▶ [How to complete this task]:
Extract each line holding the word "CORR" from the entries.

▶ [Records supplied]:

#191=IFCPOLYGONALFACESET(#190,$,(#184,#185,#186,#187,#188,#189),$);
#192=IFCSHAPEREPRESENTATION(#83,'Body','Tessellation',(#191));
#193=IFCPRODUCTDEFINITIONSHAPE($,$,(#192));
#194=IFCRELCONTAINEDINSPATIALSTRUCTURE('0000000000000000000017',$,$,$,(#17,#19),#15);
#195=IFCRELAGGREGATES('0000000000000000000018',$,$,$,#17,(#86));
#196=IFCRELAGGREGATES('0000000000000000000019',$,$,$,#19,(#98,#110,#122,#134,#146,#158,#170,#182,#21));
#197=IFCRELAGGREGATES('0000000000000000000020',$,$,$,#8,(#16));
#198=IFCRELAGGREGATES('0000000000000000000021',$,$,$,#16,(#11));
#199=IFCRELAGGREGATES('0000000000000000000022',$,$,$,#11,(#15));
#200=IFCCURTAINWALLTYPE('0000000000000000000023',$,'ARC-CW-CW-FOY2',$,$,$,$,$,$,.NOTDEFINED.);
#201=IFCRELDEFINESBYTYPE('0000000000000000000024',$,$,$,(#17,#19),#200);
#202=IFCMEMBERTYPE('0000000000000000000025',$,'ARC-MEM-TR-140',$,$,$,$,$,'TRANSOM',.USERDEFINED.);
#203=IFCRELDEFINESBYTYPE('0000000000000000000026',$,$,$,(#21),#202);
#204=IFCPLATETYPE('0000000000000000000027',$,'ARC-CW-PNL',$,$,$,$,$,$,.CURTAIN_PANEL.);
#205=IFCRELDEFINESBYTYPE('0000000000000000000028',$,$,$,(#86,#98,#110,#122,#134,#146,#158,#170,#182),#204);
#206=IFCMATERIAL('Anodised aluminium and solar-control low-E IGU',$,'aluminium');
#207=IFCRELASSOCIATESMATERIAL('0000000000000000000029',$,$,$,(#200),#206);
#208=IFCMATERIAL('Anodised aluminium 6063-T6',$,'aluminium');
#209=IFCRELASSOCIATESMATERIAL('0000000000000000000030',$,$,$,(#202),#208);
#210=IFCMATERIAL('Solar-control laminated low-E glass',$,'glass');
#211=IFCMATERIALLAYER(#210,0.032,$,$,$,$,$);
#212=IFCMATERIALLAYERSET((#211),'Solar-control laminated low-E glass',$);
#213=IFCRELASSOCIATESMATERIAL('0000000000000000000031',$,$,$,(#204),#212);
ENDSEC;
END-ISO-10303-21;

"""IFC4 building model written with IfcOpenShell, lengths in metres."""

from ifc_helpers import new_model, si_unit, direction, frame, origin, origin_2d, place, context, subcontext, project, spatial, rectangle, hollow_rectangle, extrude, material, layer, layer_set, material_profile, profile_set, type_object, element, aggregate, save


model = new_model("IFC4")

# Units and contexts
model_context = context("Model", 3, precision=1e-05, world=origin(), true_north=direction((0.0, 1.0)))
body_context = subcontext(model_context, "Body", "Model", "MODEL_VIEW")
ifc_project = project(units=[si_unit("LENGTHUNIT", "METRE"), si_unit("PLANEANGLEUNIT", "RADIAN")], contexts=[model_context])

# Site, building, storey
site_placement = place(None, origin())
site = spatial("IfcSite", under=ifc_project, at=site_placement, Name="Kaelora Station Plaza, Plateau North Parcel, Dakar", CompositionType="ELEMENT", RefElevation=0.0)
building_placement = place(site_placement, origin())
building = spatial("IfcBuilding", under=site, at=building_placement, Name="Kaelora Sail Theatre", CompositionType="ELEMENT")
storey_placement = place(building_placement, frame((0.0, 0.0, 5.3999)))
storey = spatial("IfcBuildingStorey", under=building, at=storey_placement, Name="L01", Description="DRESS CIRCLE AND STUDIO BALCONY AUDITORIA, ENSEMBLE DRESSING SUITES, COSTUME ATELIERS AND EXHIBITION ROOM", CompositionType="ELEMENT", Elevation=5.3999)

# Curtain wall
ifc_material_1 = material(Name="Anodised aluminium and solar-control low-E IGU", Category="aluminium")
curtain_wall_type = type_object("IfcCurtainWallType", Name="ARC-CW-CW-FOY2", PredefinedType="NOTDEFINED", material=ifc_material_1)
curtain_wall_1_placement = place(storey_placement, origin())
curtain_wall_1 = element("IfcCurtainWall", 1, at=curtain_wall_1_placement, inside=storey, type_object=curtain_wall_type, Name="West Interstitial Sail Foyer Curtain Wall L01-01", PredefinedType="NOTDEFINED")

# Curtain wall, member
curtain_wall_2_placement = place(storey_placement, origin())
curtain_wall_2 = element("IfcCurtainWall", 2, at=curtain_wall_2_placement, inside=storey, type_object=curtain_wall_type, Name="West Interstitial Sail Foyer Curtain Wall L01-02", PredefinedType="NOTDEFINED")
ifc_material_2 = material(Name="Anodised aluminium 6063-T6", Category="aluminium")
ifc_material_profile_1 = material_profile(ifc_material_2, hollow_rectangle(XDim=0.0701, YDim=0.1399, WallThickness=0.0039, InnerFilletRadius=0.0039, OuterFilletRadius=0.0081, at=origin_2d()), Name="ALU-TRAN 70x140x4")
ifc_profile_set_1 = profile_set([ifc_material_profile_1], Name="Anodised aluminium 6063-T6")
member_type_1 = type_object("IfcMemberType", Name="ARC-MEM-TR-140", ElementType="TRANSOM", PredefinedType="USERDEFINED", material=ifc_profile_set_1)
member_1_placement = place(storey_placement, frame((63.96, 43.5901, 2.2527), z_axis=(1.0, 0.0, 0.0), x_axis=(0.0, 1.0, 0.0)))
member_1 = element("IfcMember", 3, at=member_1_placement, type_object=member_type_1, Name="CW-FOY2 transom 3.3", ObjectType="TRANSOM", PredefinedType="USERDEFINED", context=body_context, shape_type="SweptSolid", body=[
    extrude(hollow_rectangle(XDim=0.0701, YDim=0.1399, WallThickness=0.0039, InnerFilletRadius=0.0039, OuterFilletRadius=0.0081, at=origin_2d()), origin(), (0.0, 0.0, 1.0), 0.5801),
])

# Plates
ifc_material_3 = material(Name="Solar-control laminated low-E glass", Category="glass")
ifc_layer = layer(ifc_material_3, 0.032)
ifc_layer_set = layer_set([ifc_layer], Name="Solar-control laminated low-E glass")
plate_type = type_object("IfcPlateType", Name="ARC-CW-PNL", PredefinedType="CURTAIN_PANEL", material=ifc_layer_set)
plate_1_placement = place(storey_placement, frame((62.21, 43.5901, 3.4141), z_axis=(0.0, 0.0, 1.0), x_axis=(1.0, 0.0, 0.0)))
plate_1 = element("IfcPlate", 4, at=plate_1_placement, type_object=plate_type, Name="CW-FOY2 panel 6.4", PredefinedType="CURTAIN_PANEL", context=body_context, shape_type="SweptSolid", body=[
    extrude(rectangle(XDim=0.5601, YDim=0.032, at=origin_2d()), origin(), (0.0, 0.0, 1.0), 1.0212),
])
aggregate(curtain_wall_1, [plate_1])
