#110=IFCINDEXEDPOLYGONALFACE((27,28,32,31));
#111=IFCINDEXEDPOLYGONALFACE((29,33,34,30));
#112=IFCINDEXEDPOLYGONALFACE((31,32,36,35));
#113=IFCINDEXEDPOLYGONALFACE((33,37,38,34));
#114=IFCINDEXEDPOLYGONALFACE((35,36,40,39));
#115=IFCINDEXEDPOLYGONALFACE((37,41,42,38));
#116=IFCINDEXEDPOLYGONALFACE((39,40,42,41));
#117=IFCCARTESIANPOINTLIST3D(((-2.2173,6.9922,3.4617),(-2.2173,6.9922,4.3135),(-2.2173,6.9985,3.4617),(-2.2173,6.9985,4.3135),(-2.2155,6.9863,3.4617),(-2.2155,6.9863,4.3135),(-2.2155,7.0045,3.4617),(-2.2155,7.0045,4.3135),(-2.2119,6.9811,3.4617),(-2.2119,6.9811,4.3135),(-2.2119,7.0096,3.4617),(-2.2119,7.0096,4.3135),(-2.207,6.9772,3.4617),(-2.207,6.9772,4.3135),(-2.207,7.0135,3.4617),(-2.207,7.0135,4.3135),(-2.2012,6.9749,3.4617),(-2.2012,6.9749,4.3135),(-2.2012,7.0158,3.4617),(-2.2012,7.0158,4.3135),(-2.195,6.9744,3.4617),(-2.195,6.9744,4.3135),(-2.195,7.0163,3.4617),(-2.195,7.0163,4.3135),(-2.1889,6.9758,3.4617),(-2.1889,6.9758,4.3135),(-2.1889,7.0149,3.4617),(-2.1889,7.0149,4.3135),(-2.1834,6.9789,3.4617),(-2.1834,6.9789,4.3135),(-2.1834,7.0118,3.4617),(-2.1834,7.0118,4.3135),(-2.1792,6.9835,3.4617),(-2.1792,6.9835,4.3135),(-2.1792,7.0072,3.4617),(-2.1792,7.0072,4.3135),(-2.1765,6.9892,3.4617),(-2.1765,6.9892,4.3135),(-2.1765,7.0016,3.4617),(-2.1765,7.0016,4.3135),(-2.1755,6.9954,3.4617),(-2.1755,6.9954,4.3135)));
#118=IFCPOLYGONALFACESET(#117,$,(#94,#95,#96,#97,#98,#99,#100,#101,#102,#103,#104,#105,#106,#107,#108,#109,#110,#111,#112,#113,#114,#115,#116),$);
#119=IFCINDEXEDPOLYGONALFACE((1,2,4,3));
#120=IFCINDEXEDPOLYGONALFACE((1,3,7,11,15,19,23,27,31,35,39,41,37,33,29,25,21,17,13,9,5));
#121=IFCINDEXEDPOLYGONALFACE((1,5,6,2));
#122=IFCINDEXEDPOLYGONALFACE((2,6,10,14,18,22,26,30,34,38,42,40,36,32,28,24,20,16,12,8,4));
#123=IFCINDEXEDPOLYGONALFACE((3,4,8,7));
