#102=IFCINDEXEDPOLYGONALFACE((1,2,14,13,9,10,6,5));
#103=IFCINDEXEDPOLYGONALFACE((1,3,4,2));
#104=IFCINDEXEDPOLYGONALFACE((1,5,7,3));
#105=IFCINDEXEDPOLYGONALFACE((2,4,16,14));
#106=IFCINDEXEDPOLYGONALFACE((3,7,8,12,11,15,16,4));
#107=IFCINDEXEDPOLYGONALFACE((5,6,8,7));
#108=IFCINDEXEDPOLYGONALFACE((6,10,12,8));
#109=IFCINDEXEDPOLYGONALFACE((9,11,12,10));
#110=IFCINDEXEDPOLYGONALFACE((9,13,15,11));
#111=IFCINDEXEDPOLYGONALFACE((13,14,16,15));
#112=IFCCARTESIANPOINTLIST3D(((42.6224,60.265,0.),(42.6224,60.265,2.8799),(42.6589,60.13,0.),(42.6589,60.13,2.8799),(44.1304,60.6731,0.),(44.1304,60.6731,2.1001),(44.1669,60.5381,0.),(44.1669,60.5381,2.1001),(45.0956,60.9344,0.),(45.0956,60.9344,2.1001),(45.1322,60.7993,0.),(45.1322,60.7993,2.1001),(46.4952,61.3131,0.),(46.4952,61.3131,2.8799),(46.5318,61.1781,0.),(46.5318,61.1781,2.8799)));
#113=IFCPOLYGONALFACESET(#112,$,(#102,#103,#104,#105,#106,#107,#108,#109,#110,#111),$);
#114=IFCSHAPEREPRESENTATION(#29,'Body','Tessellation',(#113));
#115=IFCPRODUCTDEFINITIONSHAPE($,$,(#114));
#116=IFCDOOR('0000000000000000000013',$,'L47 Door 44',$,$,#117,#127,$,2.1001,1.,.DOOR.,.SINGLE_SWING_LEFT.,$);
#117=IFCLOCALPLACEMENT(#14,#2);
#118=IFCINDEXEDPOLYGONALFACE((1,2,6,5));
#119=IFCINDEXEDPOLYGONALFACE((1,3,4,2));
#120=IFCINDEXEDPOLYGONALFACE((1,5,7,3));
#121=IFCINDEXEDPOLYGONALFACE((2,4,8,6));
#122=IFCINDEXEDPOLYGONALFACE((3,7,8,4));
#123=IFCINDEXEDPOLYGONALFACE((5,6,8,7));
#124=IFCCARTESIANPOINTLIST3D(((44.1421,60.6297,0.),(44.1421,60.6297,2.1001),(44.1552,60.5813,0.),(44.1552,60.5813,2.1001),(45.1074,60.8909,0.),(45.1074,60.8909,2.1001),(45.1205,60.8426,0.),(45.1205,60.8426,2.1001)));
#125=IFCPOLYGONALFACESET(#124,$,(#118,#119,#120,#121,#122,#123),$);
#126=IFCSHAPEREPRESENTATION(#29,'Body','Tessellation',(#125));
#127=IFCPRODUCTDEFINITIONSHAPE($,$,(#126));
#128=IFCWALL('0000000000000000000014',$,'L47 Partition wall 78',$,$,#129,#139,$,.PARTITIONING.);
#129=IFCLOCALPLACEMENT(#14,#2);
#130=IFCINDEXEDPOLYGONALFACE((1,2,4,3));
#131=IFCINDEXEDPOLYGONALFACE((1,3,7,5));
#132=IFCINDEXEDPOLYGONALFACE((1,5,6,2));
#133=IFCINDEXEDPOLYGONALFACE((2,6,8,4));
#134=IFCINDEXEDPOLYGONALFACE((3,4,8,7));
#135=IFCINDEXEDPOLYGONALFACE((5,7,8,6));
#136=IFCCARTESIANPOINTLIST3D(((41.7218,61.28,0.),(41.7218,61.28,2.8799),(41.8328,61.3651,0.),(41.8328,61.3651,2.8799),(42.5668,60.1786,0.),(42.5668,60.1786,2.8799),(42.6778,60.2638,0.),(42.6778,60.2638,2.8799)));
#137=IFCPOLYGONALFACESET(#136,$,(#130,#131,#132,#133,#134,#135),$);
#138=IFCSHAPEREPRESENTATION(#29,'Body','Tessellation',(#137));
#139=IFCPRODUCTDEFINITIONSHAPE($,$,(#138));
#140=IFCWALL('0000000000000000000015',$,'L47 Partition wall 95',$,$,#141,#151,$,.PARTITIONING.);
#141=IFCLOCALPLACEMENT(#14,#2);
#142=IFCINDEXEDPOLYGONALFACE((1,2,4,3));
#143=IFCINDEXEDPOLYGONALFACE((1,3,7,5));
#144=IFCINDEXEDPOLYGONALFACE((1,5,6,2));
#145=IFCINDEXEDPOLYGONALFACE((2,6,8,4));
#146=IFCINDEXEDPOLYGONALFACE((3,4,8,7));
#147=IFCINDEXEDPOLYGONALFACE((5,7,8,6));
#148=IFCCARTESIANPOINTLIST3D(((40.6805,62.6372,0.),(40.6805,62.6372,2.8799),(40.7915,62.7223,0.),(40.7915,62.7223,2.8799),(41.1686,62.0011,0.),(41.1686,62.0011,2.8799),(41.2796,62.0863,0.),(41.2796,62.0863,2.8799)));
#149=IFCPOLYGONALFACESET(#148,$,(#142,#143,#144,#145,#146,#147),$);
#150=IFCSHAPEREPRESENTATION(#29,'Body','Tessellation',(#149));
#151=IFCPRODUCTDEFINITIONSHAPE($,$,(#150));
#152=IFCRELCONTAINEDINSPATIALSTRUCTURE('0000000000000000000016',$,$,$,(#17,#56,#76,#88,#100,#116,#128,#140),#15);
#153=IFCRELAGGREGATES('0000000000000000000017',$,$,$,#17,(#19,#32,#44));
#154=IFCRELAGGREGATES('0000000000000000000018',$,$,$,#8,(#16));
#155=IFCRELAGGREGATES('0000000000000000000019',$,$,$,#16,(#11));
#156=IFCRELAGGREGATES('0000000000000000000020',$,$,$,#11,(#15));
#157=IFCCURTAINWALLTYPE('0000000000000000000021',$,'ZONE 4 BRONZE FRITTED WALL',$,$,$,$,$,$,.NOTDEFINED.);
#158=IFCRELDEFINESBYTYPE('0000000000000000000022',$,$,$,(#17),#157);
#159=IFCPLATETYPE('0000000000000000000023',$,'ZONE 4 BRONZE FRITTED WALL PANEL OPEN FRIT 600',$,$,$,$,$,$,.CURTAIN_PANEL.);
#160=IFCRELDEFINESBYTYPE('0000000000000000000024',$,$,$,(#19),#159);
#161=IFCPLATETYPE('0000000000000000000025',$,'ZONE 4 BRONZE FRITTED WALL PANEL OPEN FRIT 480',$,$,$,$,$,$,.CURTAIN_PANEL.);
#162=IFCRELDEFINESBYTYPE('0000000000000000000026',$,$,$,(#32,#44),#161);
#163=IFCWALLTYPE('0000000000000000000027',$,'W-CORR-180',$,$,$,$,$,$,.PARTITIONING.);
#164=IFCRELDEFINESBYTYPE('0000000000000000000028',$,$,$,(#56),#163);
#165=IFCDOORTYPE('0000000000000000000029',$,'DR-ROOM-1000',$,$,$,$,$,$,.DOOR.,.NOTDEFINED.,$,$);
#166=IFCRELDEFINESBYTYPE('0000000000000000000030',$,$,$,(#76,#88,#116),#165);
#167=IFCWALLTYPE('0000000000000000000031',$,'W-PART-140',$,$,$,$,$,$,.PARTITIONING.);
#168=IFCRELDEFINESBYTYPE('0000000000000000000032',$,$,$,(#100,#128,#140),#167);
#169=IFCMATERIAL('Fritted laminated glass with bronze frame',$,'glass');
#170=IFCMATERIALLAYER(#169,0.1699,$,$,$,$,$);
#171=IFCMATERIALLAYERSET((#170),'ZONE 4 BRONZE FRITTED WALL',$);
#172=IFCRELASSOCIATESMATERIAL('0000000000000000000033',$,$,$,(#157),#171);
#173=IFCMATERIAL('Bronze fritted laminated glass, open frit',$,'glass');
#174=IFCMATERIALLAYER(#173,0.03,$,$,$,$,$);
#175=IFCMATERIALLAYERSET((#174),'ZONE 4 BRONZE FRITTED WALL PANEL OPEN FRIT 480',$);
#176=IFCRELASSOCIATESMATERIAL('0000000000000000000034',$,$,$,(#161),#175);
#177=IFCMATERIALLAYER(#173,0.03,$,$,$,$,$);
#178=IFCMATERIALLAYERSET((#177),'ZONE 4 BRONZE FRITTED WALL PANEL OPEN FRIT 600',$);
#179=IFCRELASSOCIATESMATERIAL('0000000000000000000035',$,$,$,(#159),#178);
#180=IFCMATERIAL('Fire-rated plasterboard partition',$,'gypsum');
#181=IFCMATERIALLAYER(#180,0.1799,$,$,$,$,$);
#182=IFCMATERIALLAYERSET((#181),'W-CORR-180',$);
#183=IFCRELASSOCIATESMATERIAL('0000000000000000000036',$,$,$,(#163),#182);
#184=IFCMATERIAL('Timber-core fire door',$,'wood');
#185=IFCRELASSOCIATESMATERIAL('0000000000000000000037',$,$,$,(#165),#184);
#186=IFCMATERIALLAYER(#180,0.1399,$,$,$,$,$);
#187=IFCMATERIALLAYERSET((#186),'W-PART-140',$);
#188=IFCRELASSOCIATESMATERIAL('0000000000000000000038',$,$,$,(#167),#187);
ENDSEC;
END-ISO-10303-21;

▶ [Answer section]:
#163=IFCWALLTYPE('0000000000000000000027',$,'W-CORR-180',$,$,$,$,$,$,.PARTITIONING.);
#182=IFCMATERIALLAYERSET((#181),'W-CORR-180',$);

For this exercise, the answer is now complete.